Source data:
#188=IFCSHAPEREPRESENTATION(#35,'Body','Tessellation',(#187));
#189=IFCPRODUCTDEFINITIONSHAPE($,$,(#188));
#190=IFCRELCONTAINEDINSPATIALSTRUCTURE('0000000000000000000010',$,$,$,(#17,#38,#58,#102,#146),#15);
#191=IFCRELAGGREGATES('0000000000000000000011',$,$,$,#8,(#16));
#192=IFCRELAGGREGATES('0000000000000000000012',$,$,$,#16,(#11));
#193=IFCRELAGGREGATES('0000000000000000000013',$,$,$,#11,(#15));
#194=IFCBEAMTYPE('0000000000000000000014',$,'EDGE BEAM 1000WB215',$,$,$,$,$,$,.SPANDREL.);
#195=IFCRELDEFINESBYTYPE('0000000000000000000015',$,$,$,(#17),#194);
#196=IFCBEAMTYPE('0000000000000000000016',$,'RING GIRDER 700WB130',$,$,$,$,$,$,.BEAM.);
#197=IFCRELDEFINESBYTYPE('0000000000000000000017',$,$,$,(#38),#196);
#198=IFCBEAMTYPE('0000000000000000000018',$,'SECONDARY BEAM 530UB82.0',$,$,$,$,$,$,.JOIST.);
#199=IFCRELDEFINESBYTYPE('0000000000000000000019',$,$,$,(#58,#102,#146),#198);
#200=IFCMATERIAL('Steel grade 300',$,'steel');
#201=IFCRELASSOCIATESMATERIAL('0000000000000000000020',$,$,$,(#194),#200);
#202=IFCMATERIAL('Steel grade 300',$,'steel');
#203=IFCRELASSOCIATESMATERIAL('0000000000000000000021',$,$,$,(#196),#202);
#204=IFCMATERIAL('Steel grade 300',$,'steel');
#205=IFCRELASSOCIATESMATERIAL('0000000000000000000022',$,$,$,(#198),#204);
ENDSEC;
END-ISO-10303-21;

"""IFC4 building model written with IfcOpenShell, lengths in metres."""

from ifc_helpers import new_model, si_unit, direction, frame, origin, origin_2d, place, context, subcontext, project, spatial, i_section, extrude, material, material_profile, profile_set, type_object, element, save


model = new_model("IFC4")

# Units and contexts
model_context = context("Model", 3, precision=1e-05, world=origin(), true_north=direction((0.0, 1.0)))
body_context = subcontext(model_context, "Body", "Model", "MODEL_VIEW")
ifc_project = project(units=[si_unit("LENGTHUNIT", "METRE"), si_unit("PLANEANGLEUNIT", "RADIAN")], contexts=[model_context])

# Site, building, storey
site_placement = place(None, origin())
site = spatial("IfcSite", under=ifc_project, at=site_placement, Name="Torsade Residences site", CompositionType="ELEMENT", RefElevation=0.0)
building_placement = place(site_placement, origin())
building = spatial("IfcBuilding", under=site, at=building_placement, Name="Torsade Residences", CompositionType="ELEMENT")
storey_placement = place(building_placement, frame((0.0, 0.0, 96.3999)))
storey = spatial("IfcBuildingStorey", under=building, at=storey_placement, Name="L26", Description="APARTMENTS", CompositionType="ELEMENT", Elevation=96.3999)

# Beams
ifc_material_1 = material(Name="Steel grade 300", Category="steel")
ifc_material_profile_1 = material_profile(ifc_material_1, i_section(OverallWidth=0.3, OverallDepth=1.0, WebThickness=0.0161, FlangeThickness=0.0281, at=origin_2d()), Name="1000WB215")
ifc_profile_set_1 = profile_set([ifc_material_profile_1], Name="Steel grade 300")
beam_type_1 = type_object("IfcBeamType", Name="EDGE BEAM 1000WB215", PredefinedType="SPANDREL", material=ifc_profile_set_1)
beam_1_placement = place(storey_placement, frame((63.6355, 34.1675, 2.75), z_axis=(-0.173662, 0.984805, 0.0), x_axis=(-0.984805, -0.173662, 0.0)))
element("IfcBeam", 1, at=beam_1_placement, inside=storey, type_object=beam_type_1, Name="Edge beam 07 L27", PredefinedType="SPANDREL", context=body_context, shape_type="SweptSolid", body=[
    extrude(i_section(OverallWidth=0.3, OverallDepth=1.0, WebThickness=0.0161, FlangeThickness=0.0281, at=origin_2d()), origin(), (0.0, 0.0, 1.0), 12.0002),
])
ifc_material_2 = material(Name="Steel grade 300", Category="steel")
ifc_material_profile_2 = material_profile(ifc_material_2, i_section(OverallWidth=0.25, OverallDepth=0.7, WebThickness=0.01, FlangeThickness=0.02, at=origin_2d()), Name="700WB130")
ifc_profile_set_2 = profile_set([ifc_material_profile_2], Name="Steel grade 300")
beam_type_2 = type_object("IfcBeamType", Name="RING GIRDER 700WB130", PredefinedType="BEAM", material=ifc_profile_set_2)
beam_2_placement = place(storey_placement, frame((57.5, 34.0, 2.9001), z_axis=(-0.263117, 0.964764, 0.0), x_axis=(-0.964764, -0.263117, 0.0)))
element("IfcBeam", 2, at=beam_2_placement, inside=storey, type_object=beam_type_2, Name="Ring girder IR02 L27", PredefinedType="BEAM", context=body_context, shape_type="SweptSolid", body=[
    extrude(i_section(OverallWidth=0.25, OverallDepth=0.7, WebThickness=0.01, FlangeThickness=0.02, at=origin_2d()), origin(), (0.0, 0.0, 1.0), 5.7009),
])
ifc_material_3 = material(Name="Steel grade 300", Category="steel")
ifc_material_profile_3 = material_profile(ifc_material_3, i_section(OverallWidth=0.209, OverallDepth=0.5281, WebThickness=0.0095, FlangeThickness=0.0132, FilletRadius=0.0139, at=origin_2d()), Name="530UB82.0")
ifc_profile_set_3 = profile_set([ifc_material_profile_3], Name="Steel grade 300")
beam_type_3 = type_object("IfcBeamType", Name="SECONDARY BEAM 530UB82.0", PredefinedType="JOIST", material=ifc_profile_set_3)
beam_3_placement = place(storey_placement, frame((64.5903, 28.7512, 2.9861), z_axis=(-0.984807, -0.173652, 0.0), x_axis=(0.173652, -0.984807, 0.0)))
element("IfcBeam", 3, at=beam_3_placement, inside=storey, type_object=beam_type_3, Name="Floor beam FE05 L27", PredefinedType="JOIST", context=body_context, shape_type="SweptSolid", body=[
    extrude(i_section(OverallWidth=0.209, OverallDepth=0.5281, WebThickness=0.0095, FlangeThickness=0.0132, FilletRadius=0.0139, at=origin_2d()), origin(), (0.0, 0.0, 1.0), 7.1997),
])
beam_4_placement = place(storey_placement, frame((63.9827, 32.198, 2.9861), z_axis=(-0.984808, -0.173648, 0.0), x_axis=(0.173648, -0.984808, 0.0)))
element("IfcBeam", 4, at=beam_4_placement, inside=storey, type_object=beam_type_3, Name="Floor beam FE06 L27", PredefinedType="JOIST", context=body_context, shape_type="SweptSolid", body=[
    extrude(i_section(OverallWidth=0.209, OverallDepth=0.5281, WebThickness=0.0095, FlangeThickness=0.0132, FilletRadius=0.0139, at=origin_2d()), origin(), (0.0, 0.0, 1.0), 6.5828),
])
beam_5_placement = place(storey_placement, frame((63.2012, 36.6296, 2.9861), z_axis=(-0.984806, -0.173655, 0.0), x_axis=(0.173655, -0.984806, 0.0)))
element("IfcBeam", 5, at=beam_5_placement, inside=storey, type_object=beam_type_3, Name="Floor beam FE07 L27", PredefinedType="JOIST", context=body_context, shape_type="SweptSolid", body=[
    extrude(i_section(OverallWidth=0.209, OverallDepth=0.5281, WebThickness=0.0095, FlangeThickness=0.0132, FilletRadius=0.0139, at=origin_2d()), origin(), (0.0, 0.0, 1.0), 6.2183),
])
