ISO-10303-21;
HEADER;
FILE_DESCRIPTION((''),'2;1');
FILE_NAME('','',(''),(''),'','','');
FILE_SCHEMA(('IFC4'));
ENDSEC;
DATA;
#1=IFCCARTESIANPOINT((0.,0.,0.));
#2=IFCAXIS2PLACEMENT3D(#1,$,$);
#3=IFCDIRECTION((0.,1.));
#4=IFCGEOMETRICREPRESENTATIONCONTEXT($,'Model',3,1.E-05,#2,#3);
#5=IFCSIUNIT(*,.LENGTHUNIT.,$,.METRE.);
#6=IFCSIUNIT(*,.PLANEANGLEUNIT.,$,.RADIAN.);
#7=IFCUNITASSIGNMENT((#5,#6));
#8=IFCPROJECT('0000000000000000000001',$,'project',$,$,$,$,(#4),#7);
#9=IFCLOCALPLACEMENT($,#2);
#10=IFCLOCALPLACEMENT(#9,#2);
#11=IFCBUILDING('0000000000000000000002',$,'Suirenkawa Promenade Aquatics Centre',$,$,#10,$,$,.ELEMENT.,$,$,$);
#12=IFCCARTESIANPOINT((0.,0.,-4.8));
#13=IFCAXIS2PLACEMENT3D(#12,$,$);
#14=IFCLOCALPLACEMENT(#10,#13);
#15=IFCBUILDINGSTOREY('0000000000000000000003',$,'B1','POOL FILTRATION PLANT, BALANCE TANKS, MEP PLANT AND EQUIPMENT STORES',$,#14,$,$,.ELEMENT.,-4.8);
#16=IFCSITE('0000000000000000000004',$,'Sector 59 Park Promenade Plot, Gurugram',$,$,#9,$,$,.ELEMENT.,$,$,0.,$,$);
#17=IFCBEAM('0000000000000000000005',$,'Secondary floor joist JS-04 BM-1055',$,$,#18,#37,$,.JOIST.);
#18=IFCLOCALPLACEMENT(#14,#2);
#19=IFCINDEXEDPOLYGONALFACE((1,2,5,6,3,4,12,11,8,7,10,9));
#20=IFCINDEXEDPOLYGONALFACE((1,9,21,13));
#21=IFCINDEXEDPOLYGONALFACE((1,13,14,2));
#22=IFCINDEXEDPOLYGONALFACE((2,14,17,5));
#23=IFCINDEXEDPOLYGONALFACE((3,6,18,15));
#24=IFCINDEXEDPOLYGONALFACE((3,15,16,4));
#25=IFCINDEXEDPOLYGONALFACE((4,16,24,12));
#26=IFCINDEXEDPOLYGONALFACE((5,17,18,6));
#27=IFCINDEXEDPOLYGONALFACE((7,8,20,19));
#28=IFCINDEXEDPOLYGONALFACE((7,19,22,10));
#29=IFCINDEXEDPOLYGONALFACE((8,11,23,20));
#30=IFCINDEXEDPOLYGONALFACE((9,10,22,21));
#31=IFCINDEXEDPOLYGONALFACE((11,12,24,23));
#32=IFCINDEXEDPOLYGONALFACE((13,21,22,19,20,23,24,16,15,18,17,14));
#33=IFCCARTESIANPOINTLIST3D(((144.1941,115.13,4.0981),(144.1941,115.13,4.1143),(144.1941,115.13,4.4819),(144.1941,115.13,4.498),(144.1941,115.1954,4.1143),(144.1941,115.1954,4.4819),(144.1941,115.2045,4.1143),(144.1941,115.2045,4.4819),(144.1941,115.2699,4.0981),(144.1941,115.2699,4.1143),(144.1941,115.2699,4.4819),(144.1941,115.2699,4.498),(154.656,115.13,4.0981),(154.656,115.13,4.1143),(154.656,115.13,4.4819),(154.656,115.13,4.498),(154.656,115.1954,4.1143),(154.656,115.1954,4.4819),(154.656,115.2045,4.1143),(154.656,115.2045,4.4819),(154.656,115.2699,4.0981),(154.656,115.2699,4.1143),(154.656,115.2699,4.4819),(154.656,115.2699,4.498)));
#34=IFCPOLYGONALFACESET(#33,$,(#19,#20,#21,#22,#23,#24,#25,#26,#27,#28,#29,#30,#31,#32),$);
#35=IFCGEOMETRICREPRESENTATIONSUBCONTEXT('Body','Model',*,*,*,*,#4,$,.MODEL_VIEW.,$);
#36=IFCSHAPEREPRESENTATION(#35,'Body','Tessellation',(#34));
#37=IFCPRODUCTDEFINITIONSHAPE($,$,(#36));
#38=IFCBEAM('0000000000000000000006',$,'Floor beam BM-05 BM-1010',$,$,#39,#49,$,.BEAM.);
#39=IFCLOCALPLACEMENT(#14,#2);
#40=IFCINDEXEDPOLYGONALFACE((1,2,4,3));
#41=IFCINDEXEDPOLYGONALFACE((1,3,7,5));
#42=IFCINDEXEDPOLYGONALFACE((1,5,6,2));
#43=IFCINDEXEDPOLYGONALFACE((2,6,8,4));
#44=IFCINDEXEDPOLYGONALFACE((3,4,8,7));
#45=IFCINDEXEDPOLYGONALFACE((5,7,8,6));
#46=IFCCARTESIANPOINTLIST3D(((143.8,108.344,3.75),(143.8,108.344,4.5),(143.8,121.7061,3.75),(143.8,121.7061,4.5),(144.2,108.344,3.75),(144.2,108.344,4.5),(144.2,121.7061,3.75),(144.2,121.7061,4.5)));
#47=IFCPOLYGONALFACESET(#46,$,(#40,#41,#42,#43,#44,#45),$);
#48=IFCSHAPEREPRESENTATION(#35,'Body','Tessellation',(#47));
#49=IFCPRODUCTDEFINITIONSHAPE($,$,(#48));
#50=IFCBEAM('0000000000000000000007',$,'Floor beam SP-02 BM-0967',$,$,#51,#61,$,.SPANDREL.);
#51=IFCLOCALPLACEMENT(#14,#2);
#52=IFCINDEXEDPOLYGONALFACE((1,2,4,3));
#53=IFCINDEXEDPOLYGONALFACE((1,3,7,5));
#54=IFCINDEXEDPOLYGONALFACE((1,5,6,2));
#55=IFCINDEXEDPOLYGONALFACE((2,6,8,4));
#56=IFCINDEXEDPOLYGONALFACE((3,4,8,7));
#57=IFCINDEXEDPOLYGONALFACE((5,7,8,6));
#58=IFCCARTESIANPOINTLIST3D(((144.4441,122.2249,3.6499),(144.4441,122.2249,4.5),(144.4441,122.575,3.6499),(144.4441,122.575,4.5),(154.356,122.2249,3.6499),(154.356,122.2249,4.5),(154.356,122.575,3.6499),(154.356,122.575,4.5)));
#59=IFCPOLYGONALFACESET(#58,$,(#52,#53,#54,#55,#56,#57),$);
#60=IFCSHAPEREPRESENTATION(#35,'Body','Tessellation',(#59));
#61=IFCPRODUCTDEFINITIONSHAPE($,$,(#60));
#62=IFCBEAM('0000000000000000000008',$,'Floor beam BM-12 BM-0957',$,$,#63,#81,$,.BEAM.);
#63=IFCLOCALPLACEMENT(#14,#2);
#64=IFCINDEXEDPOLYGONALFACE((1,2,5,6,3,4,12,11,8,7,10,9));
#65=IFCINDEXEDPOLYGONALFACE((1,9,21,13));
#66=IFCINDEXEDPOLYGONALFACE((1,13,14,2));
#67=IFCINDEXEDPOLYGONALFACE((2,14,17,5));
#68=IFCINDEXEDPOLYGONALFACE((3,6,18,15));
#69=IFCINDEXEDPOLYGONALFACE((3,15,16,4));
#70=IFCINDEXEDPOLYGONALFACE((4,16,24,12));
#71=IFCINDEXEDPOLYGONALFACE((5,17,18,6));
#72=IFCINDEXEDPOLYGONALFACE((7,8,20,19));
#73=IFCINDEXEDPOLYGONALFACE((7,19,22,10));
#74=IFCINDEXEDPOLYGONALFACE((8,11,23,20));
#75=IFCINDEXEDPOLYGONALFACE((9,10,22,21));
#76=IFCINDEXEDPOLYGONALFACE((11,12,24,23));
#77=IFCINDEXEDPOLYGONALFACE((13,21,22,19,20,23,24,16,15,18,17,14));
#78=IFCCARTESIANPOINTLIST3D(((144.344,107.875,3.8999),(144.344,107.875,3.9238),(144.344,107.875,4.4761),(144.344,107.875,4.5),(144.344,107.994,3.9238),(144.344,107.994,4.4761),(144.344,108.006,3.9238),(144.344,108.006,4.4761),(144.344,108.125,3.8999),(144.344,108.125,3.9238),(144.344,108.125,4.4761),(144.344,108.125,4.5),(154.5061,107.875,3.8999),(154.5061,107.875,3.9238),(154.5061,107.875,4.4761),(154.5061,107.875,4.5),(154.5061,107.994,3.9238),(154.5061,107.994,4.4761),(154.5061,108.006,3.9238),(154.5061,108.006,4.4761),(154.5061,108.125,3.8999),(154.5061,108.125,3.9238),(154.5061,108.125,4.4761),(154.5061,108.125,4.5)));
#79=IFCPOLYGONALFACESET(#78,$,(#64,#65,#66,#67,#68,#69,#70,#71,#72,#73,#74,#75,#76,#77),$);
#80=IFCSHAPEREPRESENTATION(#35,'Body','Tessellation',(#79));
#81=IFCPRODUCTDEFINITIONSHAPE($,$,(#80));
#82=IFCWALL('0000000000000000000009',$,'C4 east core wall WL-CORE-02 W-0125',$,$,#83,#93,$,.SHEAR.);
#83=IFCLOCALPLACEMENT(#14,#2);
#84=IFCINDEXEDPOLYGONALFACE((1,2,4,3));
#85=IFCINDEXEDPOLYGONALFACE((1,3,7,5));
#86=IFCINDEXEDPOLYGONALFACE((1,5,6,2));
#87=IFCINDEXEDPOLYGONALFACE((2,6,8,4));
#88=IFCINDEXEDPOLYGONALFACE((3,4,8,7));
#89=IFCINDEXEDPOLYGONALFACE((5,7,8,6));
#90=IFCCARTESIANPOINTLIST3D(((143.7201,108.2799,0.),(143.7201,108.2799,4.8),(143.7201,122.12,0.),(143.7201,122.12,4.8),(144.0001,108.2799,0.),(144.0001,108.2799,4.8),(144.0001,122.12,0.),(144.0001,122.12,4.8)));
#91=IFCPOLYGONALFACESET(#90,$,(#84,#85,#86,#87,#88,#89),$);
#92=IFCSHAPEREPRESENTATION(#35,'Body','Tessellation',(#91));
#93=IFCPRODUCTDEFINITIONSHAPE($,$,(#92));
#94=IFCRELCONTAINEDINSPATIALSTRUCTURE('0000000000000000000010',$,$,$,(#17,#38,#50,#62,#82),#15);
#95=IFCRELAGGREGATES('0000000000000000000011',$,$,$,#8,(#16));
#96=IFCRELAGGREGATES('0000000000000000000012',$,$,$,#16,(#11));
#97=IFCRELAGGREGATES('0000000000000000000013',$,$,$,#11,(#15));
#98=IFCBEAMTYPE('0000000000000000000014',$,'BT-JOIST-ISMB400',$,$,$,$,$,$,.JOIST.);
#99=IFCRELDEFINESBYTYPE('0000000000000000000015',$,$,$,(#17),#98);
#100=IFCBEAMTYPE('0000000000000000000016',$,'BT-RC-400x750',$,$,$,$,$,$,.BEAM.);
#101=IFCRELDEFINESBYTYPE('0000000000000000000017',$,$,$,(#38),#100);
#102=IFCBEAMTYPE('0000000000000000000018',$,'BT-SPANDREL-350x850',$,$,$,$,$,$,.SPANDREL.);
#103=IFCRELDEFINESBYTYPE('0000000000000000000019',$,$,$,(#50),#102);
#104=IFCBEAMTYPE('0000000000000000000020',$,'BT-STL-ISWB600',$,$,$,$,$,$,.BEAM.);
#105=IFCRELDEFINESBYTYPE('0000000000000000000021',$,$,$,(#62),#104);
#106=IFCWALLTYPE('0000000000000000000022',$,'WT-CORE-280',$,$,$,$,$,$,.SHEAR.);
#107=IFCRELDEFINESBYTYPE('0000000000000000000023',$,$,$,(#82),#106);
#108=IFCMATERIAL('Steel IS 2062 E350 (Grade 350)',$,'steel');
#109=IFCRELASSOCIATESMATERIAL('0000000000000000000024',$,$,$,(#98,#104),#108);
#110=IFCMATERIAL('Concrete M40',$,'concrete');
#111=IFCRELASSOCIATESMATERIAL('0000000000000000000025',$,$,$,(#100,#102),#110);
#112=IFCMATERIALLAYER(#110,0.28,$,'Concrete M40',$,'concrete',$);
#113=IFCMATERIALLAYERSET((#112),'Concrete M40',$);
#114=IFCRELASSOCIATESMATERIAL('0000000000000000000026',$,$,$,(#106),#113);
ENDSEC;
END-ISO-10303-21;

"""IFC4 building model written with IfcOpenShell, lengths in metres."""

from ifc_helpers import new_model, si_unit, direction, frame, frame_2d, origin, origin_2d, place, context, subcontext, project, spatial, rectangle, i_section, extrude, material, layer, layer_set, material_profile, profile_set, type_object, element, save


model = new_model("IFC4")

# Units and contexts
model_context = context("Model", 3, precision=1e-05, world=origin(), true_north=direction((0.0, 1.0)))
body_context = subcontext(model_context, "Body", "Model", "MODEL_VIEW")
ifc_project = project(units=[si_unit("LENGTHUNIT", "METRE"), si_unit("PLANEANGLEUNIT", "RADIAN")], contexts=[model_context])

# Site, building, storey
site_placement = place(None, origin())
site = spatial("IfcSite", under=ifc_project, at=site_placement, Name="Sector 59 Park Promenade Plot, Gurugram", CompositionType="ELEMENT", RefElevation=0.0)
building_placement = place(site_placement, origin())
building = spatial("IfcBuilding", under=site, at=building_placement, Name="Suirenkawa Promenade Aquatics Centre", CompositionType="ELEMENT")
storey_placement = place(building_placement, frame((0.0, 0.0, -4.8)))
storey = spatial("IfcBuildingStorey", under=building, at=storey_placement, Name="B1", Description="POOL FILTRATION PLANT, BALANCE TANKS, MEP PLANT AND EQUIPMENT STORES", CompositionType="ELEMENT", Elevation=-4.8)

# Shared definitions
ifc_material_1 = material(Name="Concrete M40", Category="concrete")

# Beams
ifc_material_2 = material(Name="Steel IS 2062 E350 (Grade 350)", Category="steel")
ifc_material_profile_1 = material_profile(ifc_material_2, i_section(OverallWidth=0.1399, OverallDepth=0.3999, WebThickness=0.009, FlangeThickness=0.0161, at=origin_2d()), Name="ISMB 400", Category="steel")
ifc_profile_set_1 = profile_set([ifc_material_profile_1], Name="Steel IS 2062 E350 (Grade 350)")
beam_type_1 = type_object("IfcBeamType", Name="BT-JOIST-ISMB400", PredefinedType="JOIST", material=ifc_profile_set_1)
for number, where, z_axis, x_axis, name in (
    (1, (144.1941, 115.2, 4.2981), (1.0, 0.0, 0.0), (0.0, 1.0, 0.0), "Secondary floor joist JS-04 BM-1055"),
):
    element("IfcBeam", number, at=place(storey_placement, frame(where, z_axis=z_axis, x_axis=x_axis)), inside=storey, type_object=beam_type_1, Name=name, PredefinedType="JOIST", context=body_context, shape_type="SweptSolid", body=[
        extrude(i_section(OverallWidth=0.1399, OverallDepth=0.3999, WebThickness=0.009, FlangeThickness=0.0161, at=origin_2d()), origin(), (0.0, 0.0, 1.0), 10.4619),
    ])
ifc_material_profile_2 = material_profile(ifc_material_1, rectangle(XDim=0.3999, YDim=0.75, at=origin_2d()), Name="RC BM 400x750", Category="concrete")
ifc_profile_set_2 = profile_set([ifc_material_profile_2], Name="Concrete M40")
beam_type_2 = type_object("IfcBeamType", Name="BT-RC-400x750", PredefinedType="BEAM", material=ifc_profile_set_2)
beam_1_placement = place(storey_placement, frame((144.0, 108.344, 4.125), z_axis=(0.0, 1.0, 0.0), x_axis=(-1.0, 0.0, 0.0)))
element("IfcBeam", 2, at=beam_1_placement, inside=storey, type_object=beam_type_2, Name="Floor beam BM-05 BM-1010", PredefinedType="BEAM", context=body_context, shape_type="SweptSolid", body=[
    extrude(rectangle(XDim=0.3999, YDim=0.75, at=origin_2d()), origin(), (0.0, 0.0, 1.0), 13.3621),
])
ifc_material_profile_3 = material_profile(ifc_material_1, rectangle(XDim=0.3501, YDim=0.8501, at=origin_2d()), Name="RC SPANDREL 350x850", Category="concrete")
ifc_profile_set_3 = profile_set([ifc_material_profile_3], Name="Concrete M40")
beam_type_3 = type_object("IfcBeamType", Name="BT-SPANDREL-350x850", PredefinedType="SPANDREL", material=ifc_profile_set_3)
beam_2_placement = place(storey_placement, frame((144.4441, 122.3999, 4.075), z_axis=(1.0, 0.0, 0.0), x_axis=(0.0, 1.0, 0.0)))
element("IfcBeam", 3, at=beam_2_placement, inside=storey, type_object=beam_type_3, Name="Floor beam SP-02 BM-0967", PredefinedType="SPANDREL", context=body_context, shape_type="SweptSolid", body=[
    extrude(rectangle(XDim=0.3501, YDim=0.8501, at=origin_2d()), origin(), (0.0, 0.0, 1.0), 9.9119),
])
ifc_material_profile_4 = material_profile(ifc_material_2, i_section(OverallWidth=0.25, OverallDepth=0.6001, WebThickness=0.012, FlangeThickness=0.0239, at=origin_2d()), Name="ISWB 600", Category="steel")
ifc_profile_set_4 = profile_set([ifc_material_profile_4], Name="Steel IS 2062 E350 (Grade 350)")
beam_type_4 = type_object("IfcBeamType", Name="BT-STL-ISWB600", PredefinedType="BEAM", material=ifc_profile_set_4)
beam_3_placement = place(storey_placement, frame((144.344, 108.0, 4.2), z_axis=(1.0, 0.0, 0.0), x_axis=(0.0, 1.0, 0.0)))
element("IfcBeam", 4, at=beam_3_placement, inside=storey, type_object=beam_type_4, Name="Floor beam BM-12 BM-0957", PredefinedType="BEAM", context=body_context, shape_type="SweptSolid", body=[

Description of the task: Starting at the first line of the records above, please copy each line exactly until you reach the line containing "#193=IFCRELAGGREGATES('0000000000000000000013',$,$,$,#11,(#15));". Include that line and stop there.

Solution to this problem:
#188=IFCSHAPEREPRESENTATION(#35,'Body','Tessellation',(#187));
#189=IFCPRODUCTDEFINITIONSHAPE($,$,(#188));
#190=IFCRELCONTAINEDINSPATIALSTRUCTURE('0000000000000000000010',$,$,$,(#17,#38,#58,#102,#146),#15);
#191=IFCRELAGGREGATES('0000000000000000000011',$,$,$,#8,(#16));
#192=IFCRELAGGREGATES('0000000000000000000012',$,$,$,#16,(#11));
#193=IFCRELAGGREGATES('0000000000000000000013',$,$,$,#11,(#15));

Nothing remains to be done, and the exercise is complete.